Task prompt ::
Collect every line below that contains the word "Mineral".
** Data for this task follows **
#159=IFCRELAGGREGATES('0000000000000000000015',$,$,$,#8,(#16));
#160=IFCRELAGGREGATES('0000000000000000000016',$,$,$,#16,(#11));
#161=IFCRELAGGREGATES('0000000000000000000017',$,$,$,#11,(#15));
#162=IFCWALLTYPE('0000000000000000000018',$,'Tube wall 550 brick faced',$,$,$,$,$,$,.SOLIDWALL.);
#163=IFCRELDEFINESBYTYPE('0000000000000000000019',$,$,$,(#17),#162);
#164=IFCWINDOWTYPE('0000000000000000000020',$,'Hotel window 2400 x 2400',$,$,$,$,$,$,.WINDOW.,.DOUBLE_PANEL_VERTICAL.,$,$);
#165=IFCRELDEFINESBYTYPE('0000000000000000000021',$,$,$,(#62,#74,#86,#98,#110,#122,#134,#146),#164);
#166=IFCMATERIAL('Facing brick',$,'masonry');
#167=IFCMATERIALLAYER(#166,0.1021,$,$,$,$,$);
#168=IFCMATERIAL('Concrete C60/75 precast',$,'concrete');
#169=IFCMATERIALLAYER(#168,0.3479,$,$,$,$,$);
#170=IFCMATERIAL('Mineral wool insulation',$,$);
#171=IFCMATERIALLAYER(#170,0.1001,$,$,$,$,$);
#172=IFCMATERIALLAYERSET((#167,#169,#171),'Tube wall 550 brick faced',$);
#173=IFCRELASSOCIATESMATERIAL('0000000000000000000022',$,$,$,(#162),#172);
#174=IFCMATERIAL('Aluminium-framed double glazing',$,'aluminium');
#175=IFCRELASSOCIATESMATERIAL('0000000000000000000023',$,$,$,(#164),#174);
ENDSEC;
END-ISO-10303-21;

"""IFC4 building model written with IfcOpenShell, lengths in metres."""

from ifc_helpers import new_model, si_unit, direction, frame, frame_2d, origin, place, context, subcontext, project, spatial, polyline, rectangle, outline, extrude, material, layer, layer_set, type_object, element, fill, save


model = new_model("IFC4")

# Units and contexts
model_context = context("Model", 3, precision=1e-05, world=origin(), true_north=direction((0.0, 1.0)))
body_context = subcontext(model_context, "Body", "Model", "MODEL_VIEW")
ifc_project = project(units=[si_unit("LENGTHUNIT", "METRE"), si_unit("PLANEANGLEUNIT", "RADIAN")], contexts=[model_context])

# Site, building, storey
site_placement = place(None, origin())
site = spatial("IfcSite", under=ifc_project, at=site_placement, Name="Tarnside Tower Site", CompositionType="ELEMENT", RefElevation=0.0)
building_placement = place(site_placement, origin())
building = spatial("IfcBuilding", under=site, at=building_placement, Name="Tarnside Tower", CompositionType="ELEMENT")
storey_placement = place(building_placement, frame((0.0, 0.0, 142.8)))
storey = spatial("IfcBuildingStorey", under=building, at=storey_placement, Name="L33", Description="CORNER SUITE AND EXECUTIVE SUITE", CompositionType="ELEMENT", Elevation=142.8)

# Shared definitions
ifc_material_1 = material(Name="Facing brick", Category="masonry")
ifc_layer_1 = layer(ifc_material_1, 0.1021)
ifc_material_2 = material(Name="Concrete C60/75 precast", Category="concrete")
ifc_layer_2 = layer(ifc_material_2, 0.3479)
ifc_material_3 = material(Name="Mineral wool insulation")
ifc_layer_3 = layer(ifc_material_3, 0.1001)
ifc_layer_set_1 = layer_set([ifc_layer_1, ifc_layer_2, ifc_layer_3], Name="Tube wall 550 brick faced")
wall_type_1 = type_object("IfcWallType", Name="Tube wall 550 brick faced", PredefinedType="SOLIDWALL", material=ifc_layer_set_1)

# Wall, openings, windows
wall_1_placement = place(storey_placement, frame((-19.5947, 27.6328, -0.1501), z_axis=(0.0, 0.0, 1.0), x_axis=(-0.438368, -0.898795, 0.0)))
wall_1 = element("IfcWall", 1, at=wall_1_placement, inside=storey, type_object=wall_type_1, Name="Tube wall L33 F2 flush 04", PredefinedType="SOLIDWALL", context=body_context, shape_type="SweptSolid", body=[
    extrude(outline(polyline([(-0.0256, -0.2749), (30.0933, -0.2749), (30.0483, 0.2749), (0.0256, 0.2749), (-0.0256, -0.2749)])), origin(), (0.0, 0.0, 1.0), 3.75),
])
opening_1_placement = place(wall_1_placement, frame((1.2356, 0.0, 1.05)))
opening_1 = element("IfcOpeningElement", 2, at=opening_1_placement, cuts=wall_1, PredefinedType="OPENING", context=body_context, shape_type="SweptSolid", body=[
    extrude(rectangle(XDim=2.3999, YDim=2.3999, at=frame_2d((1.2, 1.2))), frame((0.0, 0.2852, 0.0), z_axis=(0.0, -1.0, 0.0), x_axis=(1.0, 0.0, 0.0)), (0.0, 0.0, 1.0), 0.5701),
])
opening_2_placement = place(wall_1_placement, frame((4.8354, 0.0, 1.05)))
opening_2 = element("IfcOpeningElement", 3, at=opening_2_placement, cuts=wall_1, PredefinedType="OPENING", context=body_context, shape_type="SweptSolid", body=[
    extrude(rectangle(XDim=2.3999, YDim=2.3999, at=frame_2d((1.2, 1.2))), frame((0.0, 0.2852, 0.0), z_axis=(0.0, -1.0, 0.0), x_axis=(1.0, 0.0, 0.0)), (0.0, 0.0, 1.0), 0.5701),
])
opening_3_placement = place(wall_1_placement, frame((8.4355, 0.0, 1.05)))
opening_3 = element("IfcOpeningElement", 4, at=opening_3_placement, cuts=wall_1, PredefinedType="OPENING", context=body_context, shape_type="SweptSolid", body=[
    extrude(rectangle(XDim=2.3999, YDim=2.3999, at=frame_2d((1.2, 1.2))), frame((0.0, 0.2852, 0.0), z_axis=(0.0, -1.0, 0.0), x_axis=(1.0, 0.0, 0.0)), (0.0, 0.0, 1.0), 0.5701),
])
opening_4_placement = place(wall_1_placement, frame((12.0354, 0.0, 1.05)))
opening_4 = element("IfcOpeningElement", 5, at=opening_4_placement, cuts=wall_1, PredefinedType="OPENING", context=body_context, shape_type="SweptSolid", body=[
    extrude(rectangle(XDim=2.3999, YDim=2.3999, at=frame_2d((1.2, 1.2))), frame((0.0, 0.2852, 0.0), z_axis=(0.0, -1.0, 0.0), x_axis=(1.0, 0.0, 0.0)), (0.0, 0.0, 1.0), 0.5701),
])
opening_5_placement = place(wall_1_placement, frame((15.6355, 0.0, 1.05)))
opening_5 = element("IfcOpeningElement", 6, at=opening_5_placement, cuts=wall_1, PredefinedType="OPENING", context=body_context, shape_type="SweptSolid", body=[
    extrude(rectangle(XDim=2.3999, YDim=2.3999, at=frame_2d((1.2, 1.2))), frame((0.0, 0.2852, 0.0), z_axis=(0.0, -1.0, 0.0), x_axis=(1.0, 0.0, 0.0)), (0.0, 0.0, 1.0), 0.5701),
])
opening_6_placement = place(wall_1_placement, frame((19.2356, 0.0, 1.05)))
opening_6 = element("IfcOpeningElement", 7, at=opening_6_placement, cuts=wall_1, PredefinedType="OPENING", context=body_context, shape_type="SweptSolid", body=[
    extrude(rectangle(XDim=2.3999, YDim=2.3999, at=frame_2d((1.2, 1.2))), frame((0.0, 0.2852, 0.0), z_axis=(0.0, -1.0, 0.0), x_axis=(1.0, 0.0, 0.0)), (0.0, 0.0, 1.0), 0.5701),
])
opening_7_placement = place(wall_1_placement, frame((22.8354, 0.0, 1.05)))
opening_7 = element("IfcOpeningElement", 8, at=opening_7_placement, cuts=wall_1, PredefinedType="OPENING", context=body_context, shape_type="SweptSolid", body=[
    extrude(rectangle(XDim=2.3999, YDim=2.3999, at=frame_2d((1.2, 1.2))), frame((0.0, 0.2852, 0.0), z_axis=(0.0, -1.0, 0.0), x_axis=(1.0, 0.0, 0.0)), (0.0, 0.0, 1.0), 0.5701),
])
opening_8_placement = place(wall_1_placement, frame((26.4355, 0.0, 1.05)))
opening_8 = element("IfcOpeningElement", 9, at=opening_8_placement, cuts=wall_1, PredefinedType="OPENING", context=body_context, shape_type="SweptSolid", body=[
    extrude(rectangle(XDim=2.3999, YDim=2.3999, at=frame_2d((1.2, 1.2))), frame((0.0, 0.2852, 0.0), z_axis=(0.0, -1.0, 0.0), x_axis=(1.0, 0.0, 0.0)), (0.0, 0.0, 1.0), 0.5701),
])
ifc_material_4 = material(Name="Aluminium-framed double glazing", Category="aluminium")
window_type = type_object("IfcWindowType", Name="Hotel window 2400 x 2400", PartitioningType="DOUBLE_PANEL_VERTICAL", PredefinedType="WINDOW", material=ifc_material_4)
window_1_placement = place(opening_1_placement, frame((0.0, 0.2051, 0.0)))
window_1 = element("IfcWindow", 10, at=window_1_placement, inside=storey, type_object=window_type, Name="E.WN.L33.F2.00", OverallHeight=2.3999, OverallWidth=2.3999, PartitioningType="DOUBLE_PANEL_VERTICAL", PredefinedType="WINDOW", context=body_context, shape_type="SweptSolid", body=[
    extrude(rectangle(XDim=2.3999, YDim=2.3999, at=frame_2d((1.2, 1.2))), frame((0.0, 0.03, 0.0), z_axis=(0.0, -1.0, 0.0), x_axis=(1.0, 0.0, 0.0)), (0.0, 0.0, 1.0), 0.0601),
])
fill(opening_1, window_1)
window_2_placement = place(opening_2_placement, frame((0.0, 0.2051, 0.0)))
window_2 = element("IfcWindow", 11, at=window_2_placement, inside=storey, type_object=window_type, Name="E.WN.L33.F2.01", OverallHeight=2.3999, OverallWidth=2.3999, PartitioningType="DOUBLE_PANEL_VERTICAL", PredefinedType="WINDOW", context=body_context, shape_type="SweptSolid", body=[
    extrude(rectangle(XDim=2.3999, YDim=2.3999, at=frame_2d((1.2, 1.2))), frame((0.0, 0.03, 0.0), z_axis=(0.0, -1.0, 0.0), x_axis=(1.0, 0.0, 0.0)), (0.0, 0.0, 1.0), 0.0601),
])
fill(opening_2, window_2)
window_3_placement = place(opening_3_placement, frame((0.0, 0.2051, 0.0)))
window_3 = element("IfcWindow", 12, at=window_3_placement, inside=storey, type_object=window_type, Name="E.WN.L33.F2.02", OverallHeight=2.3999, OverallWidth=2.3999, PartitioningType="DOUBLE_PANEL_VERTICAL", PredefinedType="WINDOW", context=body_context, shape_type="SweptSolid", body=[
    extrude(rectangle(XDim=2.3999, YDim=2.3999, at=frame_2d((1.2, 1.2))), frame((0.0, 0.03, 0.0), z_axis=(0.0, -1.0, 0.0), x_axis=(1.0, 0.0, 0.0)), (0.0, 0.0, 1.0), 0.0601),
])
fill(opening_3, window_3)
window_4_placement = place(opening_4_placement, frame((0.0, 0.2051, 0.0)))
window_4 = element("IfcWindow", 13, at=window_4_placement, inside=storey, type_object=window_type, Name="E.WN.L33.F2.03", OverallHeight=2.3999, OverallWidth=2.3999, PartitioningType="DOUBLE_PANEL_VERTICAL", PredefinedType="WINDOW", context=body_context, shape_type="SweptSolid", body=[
** End of Data for this task **
Exercise solution ::
#170=IFCMATERIAL('Mineral wool insulation',$,$);
ifc_material_3 = material(Name="Mineral wool insulation")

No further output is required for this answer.